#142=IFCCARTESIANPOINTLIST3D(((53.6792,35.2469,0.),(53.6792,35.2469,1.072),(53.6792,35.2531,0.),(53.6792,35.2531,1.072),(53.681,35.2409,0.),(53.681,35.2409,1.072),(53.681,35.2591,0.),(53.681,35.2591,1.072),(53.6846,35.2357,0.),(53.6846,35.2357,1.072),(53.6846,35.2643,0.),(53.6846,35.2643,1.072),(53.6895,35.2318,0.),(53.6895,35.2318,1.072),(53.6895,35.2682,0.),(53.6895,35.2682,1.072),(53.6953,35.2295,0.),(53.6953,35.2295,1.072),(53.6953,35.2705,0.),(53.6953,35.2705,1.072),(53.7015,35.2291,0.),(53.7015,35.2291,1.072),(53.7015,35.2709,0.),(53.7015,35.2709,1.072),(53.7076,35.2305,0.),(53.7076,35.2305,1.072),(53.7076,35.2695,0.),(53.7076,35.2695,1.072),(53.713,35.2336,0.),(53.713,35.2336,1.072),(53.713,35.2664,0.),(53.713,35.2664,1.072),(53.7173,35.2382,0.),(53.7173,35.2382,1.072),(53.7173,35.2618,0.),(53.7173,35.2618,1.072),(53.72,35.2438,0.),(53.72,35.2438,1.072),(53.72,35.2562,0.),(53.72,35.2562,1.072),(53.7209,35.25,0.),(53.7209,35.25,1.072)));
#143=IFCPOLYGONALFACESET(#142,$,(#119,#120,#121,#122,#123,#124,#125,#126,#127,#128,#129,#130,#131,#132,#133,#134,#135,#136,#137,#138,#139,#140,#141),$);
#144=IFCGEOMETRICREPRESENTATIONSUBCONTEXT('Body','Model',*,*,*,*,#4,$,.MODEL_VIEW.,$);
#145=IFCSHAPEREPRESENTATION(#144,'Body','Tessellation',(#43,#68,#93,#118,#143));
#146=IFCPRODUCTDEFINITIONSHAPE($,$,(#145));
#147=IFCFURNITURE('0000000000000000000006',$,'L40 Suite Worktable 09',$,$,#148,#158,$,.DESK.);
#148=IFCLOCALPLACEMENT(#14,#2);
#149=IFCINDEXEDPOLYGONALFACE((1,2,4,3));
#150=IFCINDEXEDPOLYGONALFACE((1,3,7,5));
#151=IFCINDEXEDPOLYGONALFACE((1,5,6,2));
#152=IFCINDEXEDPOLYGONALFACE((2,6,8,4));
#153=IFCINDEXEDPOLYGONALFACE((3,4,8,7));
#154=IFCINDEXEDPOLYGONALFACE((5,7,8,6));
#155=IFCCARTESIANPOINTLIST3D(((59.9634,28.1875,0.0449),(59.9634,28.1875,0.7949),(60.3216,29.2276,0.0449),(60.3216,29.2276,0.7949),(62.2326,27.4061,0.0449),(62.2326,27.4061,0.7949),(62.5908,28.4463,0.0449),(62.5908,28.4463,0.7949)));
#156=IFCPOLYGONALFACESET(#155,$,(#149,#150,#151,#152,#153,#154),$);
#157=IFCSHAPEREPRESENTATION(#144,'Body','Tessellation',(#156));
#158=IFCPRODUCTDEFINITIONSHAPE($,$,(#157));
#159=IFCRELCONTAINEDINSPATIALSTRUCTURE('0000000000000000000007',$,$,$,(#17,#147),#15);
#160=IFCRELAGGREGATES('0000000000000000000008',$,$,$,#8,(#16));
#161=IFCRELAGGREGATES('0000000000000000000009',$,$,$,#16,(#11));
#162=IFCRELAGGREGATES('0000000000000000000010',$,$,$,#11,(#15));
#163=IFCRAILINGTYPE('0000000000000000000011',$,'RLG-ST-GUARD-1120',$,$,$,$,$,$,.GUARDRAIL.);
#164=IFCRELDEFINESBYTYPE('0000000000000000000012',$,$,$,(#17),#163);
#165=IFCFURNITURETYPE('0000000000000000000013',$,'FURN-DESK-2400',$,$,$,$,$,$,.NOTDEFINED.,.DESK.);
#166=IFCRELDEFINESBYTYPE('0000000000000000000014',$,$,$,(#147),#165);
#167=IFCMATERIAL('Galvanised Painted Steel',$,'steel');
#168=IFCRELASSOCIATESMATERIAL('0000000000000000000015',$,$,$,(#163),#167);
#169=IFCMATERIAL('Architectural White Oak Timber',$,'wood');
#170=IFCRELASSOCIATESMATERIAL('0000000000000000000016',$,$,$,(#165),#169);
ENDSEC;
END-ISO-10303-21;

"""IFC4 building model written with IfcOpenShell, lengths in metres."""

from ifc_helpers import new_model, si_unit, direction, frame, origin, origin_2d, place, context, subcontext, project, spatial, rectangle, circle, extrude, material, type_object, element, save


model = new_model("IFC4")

——————————

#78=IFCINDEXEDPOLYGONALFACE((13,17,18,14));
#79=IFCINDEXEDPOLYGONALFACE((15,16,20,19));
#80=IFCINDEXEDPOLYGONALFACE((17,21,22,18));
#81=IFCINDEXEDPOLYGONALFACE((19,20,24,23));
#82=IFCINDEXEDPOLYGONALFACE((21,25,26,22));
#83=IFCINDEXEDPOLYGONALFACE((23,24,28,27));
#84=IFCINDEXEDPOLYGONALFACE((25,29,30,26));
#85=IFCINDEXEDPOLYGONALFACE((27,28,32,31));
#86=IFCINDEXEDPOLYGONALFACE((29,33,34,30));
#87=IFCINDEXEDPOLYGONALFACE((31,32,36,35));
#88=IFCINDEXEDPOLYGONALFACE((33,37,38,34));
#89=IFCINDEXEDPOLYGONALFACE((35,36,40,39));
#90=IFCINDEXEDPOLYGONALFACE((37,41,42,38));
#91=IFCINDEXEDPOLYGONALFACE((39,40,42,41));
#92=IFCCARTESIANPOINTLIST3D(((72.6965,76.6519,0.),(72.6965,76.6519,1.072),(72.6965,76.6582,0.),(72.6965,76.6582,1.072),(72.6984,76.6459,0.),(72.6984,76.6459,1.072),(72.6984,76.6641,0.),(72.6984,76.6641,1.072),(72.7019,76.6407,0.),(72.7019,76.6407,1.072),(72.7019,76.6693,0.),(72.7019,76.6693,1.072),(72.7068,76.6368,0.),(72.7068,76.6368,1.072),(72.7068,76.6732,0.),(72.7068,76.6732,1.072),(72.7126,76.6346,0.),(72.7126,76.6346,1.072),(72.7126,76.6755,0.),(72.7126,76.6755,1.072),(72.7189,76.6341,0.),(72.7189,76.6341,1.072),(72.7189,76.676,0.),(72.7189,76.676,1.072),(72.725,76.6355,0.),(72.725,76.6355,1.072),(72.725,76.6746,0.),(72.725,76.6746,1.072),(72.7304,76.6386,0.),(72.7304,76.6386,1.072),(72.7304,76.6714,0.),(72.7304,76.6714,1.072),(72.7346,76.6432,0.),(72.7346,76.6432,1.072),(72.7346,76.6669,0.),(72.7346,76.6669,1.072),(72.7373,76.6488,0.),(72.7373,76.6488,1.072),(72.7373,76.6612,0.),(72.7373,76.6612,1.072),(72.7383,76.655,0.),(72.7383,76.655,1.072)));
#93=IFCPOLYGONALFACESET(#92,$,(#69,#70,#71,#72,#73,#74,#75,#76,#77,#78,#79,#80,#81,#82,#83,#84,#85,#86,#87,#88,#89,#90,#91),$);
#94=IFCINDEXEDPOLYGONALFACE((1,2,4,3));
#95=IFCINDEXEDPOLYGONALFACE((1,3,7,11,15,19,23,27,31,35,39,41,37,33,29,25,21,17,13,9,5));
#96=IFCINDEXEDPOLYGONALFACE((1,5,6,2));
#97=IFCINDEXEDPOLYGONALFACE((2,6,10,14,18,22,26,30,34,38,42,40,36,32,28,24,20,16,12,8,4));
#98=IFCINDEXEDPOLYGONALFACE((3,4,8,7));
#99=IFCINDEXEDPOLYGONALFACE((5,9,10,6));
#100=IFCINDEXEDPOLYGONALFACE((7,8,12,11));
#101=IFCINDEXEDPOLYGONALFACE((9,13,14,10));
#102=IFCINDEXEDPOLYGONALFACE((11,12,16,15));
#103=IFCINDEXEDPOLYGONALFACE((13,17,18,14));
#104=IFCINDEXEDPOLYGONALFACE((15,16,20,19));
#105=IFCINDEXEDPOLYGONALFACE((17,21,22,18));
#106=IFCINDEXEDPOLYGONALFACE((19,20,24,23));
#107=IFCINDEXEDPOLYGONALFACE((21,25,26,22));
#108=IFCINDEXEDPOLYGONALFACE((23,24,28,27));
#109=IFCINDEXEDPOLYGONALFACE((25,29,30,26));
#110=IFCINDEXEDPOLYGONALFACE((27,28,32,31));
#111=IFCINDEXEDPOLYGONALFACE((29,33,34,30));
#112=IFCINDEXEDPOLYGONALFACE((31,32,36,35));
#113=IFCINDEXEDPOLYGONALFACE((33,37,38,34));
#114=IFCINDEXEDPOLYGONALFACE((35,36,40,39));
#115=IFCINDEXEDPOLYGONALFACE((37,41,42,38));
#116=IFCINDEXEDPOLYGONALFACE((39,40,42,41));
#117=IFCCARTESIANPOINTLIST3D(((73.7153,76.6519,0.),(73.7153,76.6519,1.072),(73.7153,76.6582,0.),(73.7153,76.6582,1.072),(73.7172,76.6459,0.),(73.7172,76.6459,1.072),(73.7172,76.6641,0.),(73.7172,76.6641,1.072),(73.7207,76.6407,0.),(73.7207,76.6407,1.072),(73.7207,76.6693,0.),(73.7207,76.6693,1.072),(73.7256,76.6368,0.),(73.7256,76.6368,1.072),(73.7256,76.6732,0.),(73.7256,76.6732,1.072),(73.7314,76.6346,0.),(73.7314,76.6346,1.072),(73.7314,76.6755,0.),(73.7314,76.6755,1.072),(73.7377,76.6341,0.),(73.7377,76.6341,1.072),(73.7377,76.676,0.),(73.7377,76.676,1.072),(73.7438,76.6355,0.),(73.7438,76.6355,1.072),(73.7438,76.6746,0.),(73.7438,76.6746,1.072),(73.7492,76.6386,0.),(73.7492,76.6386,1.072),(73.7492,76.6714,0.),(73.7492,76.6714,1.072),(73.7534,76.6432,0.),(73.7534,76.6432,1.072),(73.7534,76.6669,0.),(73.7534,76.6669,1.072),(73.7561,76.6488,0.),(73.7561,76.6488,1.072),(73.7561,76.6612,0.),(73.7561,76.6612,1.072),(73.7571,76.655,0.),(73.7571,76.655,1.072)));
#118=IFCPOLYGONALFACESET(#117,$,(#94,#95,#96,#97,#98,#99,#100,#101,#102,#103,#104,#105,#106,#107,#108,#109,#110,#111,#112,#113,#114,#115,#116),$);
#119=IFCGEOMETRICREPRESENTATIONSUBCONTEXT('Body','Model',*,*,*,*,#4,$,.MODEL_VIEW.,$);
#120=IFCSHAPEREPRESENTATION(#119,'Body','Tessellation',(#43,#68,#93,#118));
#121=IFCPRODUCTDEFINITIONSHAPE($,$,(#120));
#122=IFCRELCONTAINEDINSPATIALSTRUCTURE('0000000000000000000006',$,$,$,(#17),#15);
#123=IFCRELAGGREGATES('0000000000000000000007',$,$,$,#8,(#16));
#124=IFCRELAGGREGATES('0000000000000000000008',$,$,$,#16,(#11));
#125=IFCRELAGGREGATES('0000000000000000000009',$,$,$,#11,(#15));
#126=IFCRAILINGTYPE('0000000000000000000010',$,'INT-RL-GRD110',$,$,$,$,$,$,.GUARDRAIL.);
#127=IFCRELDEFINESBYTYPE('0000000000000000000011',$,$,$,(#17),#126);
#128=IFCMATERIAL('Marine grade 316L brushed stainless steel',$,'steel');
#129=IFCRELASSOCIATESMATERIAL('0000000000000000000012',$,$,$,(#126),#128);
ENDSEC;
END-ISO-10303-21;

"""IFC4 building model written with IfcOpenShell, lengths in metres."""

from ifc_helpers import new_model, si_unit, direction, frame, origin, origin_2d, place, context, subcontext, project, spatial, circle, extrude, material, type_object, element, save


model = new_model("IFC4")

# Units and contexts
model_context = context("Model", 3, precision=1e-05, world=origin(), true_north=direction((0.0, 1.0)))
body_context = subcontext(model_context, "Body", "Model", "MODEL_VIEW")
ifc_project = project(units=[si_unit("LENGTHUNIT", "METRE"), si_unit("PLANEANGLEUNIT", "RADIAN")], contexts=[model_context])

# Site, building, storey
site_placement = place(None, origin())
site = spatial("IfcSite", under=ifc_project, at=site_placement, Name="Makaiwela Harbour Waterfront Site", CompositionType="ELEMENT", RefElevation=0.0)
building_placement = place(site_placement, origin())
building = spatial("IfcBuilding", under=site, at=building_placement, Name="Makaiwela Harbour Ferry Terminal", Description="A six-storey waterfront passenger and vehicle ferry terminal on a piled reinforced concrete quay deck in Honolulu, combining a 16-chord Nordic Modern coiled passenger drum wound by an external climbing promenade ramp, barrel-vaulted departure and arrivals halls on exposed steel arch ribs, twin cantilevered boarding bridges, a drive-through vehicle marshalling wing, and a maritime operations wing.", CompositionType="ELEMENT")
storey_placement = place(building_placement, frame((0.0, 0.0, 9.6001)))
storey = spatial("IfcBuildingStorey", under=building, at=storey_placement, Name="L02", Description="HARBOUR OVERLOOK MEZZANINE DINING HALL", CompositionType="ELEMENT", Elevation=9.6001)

——————————

- _WHAT NEEDS TO BE DONE_: Please find each line in the records above that holds the word "IFCRELDEFINESBYTYPE", and copy it.

- _SOLUTION FOR THIS EXERCISE_:
#164=IFCRELDEFINESBYTYPE('0000000000000000000012',$,$,$,(#17),#163);
#166=IFCRELDEFINESBYTYPE('0000000000000000000014',$,$,$,(#147),#165);
#127=IFCRELDEFINESBYTYPE('0000000000000000000011',$,$,$,(#17),#126);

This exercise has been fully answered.